**AIM OF THE TASK:** Your output should be the entries below, from the first line up to and including the line with "#144=IFCINDEXEDPOLYGONALFACE((1,2,4,3));", reproduced exactly and with no other lines.

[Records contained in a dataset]

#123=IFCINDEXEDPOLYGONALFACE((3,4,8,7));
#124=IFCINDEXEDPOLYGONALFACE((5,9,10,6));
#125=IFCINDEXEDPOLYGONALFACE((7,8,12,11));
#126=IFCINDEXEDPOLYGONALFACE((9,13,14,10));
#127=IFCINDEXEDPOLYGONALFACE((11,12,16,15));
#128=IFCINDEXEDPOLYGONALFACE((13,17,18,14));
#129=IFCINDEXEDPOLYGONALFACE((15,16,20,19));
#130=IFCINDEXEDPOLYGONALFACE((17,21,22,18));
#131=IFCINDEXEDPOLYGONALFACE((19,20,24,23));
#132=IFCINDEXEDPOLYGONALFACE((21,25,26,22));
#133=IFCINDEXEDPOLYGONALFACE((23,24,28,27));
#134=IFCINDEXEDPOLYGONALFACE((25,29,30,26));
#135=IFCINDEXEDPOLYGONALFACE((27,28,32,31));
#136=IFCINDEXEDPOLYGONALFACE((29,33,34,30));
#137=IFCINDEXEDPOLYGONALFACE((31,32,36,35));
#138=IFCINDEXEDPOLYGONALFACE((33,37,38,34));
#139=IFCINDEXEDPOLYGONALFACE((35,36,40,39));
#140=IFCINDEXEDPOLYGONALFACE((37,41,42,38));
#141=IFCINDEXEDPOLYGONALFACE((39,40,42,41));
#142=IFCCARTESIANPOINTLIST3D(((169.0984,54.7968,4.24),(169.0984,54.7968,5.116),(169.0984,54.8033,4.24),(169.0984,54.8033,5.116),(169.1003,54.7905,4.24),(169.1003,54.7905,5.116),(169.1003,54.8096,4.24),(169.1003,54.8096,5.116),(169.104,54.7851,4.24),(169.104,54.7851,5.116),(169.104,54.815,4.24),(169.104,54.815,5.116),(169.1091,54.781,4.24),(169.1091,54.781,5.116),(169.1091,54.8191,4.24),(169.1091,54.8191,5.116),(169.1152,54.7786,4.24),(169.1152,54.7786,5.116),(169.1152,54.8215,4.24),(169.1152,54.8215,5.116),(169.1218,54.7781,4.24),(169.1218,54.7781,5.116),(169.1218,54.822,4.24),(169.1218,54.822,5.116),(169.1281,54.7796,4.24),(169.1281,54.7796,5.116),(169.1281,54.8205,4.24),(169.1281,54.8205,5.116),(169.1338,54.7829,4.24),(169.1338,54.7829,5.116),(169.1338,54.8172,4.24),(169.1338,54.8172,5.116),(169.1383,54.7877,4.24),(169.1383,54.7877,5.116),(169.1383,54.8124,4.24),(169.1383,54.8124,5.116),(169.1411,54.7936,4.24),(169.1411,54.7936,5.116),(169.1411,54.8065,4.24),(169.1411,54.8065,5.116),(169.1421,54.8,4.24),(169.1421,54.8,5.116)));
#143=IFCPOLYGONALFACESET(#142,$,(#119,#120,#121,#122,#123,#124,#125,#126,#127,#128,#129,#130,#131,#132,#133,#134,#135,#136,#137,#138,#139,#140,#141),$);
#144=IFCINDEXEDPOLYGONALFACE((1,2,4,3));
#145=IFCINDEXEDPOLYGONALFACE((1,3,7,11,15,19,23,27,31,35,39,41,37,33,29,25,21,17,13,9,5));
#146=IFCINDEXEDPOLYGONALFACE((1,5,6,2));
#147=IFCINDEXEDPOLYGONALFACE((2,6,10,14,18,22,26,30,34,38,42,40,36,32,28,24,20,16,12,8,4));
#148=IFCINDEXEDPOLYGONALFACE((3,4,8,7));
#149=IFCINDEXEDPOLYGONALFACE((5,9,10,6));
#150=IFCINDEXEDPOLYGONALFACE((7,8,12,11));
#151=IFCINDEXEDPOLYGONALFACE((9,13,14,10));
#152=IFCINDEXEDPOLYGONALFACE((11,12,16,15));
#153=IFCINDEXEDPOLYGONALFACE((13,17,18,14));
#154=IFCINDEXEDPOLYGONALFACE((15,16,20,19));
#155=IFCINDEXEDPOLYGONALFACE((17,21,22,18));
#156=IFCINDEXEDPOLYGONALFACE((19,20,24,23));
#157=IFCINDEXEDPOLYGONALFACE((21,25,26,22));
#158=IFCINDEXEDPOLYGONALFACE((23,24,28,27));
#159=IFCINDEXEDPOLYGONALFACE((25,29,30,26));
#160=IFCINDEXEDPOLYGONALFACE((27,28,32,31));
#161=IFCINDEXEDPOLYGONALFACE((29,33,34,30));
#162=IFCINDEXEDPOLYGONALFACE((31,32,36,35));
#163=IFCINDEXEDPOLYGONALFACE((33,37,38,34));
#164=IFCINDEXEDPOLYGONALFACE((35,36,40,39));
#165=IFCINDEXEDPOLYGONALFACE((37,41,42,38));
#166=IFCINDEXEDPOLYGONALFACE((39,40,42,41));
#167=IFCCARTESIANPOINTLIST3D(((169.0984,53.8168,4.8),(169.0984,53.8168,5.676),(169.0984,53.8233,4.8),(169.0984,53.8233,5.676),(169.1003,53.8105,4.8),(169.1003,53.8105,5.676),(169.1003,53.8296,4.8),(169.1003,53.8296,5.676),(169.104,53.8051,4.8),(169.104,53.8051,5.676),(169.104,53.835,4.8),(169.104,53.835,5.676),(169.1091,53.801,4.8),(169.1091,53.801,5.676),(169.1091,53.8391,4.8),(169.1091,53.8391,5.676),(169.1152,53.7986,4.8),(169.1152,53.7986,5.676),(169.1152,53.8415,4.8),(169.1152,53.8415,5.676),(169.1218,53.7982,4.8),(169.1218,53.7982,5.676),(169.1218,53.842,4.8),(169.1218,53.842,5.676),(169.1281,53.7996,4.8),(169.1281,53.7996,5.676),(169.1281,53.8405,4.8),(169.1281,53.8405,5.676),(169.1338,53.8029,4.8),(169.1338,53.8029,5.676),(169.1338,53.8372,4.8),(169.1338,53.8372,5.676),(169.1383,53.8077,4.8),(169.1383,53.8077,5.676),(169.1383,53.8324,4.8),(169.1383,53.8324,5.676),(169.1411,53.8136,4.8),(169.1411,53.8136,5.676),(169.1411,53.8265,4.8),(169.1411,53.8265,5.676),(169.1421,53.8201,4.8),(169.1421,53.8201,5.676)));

**PROBLEM SOLUTION:**
#123=IFCINDEXEDPOLYGONALFACE((3,4,8,7));
#124=IFCINDEXEDPOLYGONALFACE((5,9,10,6));
#125=IFCINDEXEDPOLYGONALFACE((7,8,12,11));
#126=IFCINDEXEDPOLYGONALFACE((9,13,14,10));
#127=IFCINDEXEDPOLYGONALFACE((11,12,16,15));
#128=IFCINDEXEDPOLYGONALFACE((13,17,18,14));
#129=IFCINDEXEDPOLYGONALFACE((15,16,20,19));
#130=IFCINDEXEDPOLYGONALFACE((17,21,22,18));
#131=IFCINDEXEDPOLYGONALFACE((19,20,24,23));
#132=IFCINDEXEDPOLYGONALFACE((21,25,26,22));
#133=IFCINDEXEDPOLYGONALFACE((23,24,28,27));
#134=IFCINDEXEDPOLYGONALFACE((25,29,30,26));
#135=IFCINDEXEDPOLYGONALFACE((27,28,32,31));
#136=IFCINDEXEDPOLYGONALFACE((29,33,34,30));
#137=IFCINDEXEDPOLYGONALFACE((31,32,36,35));
#138=IFCINDEXEDPOLYGONALFACE((33,37,38,34));
#139=IFCINDEXEDPOLYGONALFACE((35,36,40,39));
#140=IFCINDEXEDPOLYGONALFACE((37,41,42,38));
#141=IFCINDEXEDPOLYGONALFACE((39,40,42,41));
#142=IFCCARTESIANPOINTLIST3D(((169.0984,54.7968,4.24),(169.0984,54.7968,5.116),(169.0984,54.8033,4.24),(169.0984,54.8033,5.116),(169.1003,54.7905,4.24),(169.1003,54.7905,5.116),(169.1003,54.8096,4.24),(169.1003,54.8096,5.116),(169.104,54.7851,4.24),(169.104,54.7851,5.116),(169.104,54.815,4.24),(169.104,54.815,5.116),(169.1091,54.781,4.24),(169.1091,54.781,5.116),(169.1091,54.8191,4.24),(169.1091,54.8191,5.116),(169.1152,54.7786,4.24),(169.1152,54.7786,5.116),(169.1152,54.8215,4.24),(169.1152,54.8215,5.116),(169.1218,54.7781,4.24),(169.1218,54.7781,5.116),(169.1218,54.822,4.24),(169.1218,54.822,5.116),(169.1281,54.7796,4.24),(169.1281,54.7796,5.116),(169.1281,54.8205,4.24),(169.1281,54.8205,5.116),(169.1338,54.7829,4.24),(169.1338,54.7829,5.116),(169.1338,54.8172,4.24),(169.1338,54.8172,5.116),(169.1383,54.7877,4.24),(169.1383,54.7877,5.116),(169.1383,54.8124,4.24),(169.1383,54.8124,5.116),(169.1411,54.7936,4.24),(169.1411,54.7936,5.116),(169.1411,54.8065,4.24),(169.1411,54.8065,5.116),(169.1421,54.8,4.24),(169.1421,54.8,5.116)));
#143=IFCPOLYGONALFACESET(#142,$,(#119,#120,#121,#122,#123,#124,#125,#126,#127,#128,#129,#130,#131,#132,#133,#134,#135,#136,#137,#138,#139,#140,#141),$);
#144=IFCINDEXEDPOLYGONALFACE((1,2,4,3));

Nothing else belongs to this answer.